Dataset extract -
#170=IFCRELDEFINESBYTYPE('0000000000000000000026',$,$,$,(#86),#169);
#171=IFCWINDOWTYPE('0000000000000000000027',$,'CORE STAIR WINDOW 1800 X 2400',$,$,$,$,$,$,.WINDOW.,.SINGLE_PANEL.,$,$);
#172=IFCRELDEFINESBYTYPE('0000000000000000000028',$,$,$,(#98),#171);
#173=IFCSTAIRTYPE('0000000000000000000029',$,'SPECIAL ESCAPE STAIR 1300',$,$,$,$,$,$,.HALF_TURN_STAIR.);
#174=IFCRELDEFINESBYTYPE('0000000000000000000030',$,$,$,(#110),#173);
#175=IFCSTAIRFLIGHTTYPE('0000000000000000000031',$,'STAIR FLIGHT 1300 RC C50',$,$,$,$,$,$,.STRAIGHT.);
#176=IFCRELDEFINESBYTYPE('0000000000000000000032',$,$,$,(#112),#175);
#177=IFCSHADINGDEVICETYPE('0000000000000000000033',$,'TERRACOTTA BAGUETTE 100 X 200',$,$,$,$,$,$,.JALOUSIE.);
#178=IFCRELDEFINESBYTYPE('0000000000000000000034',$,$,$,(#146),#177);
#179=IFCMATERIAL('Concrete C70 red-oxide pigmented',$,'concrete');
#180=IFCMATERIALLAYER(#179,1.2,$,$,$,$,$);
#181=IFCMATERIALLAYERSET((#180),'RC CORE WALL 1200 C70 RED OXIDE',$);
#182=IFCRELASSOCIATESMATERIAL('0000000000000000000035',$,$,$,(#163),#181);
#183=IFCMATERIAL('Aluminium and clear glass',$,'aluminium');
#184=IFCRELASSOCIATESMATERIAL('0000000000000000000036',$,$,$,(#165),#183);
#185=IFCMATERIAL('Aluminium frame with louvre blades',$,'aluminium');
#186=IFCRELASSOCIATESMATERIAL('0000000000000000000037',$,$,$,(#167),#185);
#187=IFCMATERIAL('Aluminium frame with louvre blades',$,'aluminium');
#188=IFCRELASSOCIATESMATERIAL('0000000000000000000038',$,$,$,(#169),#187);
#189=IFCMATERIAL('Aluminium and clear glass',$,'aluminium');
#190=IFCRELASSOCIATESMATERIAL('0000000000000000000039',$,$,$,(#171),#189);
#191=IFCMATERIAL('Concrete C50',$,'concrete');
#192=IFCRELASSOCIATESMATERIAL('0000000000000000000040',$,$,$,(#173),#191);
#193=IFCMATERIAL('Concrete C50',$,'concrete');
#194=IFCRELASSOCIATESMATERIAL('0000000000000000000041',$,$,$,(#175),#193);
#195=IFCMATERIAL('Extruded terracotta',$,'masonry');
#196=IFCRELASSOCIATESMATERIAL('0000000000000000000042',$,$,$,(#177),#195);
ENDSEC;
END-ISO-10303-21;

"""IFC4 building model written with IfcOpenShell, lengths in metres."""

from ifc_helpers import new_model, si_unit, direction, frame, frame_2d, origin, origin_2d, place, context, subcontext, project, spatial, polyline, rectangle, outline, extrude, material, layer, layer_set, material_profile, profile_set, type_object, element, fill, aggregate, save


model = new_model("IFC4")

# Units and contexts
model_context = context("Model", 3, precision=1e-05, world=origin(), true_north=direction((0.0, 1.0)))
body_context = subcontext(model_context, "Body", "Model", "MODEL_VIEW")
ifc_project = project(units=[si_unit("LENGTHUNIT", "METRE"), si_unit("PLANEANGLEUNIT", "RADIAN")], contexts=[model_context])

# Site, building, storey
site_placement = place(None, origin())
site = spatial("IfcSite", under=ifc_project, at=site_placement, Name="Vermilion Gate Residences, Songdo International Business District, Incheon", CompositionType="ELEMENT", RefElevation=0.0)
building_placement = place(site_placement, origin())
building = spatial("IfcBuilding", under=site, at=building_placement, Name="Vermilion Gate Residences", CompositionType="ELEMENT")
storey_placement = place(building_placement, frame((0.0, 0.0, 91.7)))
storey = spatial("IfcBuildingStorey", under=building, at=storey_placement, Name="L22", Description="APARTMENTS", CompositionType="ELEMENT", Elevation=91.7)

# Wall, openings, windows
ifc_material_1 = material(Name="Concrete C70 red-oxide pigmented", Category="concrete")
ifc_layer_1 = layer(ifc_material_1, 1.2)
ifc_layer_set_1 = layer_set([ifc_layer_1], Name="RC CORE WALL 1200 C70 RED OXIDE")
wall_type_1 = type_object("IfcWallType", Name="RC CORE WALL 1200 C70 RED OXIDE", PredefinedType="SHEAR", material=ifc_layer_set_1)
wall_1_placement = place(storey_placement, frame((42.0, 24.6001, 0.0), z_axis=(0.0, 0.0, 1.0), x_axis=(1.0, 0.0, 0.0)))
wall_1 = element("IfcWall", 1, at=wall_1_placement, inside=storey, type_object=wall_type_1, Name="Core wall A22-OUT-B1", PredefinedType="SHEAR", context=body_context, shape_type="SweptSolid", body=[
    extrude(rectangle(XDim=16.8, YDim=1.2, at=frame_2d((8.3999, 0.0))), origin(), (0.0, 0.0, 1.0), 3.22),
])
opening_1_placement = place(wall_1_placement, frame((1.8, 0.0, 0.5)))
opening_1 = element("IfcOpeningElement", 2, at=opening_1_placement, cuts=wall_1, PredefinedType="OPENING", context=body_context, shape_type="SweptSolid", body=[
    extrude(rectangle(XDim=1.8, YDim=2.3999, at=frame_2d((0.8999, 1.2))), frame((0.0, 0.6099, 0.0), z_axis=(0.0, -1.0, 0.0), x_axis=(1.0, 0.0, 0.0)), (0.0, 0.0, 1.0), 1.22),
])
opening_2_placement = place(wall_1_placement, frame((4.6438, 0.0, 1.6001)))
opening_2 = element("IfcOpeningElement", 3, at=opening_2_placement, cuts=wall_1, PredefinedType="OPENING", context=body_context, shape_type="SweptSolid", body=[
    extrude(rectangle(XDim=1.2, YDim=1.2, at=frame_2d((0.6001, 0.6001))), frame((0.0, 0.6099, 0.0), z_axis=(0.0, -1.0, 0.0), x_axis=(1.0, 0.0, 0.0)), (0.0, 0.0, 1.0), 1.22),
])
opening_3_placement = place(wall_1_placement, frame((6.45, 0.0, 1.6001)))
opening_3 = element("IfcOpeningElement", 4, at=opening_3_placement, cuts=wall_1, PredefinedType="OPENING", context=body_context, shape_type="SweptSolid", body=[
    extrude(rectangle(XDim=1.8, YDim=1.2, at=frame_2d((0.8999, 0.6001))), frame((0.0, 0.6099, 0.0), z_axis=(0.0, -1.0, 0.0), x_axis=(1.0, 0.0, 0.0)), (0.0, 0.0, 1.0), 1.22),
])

...

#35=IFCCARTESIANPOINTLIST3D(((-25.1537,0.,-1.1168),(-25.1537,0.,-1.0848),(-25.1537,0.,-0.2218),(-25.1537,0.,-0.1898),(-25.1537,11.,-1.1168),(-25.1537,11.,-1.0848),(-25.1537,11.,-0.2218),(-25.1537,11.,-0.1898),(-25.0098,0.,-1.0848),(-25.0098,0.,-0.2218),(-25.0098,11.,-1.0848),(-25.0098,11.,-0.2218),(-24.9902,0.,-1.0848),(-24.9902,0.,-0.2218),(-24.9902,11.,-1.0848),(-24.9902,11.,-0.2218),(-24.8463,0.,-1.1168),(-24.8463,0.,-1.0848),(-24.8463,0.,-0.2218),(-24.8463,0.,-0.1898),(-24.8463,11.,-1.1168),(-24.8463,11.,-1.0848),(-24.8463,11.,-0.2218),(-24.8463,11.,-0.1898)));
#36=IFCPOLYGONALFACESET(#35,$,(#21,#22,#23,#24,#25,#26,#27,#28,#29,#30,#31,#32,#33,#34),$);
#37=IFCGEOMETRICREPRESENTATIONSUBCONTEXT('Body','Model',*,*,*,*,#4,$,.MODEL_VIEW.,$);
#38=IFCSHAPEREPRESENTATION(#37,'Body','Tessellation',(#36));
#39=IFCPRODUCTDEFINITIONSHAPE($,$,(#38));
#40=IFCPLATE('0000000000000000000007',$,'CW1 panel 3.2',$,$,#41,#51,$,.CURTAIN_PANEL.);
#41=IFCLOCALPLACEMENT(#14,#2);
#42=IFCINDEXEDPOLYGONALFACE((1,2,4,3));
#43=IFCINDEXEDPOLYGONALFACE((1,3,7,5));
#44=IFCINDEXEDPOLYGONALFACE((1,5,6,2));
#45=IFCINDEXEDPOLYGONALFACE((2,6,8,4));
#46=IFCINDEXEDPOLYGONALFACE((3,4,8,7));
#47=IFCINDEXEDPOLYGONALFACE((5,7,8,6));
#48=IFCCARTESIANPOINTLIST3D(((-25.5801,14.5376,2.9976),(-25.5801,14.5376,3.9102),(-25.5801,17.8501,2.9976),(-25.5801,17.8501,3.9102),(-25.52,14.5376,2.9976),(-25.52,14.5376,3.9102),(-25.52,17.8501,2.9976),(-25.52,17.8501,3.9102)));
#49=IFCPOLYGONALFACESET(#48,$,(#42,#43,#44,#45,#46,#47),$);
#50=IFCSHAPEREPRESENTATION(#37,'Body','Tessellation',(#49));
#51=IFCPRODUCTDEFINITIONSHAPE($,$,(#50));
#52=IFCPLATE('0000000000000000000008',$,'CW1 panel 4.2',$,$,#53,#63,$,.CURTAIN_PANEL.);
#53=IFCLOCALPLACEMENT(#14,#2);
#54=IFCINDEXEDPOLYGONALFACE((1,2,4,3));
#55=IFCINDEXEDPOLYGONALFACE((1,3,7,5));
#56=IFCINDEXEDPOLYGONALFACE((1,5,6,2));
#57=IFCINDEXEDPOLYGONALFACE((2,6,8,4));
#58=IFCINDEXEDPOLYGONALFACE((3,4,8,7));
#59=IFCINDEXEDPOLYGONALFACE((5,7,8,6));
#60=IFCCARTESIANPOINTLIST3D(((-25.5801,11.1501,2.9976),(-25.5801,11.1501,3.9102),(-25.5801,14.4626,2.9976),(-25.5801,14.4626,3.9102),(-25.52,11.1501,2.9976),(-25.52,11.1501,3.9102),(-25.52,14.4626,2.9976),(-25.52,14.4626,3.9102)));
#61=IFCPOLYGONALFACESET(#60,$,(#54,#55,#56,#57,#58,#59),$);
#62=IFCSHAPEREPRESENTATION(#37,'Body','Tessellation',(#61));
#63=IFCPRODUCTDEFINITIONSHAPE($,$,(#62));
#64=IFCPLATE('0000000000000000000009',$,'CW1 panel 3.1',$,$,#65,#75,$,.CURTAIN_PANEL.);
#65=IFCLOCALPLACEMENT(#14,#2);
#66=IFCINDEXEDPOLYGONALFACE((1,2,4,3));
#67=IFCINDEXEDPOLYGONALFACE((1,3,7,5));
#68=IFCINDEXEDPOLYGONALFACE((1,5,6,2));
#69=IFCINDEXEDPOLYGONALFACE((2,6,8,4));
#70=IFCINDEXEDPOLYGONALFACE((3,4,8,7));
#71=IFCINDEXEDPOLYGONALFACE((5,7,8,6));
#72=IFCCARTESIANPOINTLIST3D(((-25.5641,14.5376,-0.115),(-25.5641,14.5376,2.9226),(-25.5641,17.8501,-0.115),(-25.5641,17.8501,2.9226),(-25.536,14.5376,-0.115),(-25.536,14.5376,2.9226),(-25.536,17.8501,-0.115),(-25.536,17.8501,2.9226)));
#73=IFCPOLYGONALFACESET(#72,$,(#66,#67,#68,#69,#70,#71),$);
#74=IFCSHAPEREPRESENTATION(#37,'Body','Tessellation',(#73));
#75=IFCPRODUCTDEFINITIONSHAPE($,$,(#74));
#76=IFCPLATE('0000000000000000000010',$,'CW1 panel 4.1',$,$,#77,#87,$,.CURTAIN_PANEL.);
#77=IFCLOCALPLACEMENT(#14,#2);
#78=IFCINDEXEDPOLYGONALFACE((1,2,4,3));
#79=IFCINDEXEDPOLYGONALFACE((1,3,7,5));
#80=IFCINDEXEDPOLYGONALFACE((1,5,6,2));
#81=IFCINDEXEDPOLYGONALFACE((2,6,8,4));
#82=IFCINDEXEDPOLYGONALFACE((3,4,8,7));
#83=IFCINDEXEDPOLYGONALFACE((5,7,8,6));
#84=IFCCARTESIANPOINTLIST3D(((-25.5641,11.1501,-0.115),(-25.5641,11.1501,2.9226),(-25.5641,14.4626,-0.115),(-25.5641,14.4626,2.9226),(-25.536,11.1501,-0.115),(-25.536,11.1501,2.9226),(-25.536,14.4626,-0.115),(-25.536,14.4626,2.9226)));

---

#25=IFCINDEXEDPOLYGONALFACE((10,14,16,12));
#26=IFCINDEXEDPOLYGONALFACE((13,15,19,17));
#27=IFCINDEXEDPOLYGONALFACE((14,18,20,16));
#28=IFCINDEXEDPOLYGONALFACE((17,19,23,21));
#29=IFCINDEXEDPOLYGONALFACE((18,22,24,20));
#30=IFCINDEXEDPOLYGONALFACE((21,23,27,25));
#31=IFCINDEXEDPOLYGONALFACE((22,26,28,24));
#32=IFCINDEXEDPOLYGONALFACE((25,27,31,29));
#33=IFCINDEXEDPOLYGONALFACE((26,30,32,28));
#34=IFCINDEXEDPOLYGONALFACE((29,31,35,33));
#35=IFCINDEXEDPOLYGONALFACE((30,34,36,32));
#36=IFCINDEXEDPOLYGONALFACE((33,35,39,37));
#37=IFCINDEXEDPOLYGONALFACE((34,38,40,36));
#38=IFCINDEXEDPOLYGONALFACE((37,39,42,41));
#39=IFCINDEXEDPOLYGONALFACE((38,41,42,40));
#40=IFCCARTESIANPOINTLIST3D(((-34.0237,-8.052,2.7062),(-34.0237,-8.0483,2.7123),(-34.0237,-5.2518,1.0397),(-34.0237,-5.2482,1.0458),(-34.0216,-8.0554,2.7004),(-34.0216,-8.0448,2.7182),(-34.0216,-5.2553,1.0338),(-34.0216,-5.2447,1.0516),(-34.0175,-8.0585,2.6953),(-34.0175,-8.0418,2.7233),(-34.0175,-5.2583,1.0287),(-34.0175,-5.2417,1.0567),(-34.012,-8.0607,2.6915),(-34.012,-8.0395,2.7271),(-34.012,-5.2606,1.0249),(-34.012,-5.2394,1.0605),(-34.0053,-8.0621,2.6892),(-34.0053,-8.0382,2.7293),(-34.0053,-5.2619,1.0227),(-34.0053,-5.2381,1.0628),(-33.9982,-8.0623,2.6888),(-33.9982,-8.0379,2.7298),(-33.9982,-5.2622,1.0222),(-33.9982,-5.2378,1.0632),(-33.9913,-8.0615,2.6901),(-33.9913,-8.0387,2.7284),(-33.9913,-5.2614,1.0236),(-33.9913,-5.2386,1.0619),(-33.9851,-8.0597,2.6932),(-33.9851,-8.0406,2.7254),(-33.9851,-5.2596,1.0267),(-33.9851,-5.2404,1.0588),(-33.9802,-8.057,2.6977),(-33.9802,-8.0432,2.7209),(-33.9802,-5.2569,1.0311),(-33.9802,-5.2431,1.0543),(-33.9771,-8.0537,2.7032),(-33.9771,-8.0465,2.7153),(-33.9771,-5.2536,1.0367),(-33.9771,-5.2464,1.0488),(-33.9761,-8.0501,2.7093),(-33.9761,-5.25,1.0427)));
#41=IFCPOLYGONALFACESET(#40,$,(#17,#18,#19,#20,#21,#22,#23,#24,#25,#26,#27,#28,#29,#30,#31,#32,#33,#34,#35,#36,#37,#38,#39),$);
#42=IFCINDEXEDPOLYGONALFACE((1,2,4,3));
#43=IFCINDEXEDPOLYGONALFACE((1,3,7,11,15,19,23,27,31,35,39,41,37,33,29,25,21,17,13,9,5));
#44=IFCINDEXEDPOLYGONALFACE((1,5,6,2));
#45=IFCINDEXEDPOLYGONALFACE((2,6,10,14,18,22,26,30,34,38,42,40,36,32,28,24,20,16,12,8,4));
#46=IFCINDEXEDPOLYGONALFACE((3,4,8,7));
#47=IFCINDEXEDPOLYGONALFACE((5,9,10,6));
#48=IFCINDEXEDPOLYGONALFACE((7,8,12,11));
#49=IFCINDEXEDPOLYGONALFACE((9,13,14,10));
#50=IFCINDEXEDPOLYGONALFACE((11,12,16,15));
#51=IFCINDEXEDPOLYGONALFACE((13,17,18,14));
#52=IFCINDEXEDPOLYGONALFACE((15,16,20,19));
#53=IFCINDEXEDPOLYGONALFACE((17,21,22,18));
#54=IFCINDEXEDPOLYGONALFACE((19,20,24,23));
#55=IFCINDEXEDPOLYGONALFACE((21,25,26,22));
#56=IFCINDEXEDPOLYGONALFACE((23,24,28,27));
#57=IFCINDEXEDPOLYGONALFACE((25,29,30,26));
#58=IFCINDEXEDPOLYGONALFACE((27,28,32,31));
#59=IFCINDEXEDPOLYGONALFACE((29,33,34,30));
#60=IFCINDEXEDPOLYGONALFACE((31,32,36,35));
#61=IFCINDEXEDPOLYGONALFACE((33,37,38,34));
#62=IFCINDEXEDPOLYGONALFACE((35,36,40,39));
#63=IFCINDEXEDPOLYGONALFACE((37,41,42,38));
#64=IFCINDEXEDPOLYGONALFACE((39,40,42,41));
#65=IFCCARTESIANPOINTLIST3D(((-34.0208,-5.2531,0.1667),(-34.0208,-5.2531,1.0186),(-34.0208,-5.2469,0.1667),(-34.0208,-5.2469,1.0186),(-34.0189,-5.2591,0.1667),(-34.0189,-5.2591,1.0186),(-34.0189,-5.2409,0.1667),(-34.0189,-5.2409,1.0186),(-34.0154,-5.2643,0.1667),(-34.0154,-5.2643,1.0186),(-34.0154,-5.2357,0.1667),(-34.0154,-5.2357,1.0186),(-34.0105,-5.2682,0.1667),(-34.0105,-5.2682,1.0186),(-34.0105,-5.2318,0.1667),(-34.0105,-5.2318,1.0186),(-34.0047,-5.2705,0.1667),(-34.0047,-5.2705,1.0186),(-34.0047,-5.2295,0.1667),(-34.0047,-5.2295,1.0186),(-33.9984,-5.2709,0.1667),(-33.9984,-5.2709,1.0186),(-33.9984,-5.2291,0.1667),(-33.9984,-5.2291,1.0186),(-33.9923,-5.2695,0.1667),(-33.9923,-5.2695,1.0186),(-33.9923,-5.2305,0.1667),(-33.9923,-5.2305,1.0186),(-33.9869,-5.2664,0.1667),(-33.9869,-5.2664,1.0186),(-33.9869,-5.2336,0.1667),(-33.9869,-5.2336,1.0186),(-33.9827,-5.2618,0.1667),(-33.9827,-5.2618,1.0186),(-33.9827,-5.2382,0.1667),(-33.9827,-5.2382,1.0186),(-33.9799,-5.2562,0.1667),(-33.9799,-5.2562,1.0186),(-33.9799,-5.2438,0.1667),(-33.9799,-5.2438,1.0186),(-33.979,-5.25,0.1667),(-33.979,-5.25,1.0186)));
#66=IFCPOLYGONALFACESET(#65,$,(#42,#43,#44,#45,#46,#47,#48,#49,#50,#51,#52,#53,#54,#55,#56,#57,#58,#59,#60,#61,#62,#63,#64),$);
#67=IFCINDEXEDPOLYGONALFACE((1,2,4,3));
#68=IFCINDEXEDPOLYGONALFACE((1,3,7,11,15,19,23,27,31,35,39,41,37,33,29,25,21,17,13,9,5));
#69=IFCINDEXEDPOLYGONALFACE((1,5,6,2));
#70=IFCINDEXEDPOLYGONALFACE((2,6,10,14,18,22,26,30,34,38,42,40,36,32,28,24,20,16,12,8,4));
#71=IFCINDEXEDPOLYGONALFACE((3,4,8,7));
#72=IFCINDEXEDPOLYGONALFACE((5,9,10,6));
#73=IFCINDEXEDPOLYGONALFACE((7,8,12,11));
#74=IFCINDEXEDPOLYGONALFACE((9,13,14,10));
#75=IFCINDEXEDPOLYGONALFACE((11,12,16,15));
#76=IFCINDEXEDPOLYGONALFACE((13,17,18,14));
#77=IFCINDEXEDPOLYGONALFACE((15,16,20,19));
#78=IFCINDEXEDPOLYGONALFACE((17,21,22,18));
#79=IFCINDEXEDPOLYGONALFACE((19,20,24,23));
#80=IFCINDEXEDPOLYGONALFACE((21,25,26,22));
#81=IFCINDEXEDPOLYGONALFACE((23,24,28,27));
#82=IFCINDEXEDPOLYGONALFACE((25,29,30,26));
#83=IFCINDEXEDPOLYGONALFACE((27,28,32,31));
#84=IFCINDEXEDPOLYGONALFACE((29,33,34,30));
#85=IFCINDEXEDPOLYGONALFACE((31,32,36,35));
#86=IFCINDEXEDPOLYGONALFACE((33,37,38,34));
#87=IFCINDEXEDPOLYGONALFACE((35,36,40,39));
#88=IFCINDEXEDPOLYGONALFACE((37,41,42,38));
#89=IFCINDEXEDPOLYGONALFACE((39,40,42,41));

Work item -
Please go line by line through the records above, copying each one that holds the string "SweptSolid".

Task solution -
wall_1 = element("IfcWall", 1, at=wall_1_placement, inside=storey, type_object=wall_type_1, Name="Core wall A22-OUT-B1", PredefinedType="SHEAR", context=body_context, shape_type="SweptSolid", body=[
opening_1 = element("IfcOpeningElement", 2, at=opening_1_placement, cuts=wall_1, PredefinedType="OPENING", context=body_context, shape_type="SweptSolid", body=[
opening_2 = element("IfcOpeningElement", 3, at=opening_2_placement, cuts=wall_1, PredefinedType="OPENING", context=body_context, shape_type="SweptSolid", body=[
opening_3 = element("IfcOpeningElement", 4, at=opening_3_placement, cuts=wall_1, PredefinedType="OPENING", context=body_context, shape_type="SweptSolid", body=[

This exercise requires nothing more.